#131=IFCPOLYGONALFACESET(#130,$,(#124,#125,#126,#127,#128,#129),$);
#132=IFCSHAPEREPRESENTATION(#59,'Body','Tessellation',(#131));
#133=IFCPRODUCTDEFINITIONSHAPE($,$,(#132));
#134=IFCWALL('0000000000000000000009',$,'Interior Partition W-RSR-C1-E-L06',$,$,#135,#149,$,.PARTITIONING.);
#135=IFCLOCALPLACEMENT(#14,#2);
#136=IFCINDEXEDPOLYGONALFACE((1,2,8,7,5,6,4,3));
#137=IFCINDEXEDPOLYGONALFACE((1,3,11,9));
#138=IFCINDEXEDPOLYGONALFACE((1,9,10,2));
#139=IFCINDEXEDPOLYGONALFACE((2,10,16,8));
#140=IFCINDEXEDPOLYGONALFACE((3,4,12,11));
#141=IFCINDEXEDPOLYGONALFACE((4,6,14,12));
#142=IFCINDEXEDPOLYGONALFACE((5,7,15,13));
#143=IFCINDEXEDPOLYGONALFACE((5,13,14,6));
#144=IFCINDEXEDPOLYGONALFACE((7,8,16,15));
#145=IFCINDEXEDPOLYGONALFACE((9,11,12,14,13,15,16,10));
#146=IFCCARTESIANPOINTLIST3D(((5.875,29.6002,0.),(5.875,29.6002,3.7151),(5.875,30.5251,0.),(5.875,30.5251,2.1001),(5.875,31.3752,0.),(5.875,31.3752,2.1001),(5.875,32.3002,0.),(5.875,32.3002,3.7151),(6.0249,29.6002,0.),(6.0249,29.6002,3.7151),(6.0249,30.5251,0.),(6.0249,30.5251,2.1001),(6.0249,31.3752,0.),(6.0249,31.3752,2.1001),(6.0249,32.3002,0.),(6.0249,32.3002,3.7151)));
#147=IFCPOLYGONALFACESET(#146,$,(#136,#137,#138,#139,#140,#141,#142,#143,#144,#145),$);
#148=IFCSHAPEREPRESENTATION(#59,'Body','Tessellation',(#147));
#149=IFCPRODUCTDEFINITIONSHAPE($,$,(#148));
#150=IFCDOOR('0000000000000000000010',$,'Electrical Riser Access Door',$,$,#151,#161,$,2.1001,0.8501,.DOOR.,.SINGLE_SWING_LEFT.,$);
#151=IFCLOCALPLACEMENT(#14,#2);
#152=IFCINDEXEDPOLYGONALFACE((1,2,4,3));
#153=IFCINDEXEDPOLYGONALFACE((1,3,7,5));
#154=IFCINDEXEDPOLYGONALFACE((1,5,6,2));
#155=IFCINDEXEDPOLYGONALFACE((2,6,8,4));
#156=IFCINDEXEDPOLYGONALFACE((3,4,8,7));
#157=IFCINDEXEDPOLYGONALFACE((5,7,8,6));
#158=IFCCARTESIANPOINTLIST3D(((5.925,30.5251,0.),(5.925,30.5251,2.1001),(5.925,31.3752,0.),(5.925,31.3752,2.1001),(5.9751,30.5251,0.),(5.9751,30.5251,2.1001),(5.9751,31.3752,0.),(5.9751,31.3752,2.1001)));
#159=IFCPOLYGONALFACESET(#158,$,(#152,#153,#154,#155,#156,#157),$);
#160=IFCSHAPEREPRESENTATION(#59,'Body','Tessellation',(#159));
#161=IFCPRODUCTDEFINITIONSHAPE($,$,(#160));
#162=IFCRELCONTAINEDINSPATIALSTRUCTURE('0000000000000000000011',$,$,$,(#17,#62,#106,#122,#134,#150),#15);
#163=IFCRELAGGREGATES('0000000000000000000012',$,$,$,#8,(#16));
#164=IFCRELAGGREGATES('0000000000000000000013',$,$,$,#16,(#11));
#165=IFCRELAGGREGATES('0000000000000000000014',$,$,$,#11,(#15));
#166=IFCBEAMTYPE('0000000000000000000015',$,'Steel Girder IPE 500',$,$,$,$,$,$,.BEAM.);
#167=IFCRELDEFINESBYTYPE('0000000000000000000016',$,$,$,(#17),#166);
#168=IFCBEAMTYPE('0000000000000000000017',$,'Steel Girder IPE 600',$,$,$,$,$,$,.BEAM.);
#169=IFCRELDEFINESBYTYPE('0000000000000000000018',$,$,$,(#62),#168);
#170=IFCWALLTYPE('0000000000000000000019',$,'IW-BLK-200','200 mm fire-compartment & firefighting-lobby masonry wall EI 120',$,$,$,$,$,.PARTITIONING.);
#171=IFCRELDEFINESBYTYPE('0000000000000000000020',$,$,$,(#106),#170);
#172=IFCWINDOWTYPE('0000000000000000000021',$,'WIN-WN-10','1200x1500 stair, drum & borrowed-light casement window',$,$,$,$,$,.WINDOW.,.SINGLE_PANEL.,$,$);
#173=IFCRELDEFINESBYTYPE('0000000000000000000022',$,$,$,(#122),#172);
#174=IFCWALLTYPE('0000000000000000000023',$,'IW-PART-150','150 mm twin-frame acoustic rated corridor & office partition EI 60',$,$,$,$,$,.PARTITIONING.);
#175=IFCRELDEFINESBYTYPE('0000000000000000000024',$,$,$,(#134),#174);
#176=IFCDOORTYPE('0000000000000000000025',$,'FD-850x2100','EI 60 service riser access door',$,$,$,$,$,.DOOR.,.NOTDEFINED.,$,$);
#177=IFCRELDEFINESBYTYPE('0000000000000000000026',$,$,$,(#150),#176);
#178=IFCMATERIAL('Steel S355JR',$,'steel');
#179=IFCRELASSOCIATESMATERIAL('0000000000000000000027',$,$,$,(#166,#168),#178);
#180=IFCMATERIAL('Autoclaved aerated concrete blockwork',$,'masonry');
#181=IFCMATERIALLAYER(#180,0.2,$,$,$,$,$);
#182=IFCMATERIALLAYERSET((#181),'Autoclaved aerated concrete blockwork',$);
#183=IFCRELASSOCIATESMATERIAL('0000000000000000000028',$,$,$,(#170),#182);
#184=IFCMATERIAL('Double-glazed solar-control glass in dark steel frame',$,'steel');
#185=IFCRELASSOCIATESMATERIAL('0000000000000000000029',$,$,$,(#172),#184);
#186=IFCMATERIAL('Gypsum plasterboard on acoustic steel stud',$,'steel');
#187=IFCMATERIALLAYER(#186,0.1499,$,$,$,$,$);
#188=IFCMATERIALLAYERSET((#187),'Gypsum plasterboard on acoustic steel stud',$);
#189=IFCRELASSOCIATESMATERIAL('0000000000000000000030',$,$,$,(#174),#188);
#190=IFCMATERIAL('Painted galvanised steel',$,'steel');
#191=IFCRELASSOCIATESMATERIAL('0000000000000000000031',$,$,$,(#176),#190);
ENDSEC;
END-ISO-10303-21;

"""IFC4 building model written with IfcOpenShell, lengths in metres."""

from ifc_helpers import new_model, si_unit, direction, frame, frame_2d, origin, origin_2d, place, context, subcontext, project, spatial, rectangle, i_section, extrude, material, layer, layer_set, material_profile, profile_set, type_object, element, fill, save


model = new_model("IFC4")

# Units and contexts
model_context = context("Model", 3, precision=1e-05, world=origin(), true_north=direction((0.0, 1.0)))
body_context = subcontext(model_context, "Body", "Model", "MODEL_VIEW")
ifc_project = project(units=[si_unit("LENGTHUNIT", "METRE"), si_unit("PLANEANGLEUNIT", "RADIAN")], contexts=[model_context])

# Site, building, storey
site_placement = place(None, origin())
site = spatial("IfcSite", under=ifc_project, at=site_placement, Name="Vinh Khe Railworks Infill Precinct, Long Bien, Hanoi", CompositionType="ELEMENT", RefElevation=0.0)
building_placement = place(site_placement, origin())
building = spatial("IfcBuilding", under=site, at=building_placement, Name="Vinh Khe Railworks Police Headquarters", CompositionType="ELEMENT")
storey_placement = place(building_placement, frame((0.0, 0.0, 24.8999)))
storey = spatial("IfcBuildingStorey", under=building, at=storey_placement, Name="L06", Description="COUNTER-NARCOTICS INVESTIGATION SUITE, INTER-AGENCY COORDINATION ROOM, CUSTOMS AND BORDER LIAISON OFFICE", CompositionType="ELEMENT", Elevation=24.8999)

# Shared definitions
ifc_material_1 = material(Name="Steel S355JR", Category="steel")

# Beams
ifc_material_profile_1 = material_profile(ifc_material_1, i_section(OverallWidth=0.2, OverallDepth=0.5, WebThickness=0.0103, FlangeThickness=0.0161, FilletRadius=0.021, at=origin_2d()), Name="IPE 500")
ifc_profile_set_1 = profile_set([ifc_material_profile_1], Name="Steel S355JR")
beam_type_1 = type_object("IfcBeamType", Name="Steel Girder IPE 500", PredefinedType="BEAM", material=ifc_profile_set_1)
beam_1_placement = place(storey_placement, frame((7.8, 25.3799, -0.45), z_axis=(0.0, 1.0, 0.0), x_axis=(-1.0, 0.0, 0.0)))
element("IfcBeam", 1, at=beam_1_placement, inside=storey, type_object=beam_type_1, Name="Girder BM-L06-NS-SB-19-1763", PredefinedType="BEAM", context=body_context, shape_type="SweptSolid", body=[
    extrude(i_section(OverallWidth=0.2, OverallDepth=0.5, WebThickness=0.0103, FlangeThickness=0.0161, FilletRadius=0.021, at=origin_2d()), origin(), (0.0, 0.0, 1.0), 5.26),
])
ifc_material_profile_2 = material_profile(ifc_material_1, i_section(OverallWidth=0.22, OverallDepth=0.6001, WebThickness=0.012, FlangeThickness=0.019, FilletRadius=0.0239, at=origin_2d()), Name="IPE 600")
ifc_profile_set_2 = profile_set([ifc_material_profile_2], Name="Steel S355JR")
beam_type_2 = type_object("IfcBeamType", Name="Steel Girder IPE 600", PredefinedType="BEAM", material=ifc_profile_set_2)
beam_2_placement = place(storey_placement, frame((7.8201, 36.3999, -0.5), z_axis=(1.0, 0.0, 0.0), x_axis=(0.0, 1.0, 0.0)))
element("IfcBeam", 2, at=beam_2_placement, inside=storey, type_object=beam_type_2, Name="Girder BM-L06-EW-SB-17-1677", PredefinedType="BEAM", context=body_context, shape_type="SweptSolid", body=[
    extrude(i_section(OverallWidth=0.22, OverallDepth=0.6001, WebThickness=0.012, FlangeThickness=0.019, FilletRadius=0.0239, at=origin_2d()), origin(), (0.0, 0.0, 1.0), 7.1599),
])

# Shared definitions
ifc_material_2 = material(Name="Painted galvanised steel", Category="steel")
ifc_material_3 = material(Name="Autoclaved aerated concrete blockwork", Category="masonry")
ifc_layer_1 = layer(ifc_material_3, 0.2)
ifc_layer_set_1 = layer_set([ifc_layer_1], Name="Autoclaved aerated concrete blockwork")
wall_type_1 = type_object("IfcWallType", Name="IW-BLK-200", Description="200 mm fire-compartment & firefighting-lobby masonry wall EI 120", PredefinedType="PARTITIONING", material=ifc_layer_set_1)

### Work item
Check each line above for the string "inside" and copy those that have it.

### Solution for this problem
element("IfcBeam", 1, at=beam_1_placement, inside=storey, type_object=beam_type_1, Name="Girder BM-L06-NS-SB-19-1763", PredefinedType="BEAM", context=body_context, shape_type="SweptSolid", body=[
element("IfcBeam", 2, at=beam_2_placement, inside=storey, type_object=beam_type_2, Name="Girder BM-L06-EW-SB-17-1677", PredefinedType="BEAM", context=body_context, shape_type="SweptSolid", body=[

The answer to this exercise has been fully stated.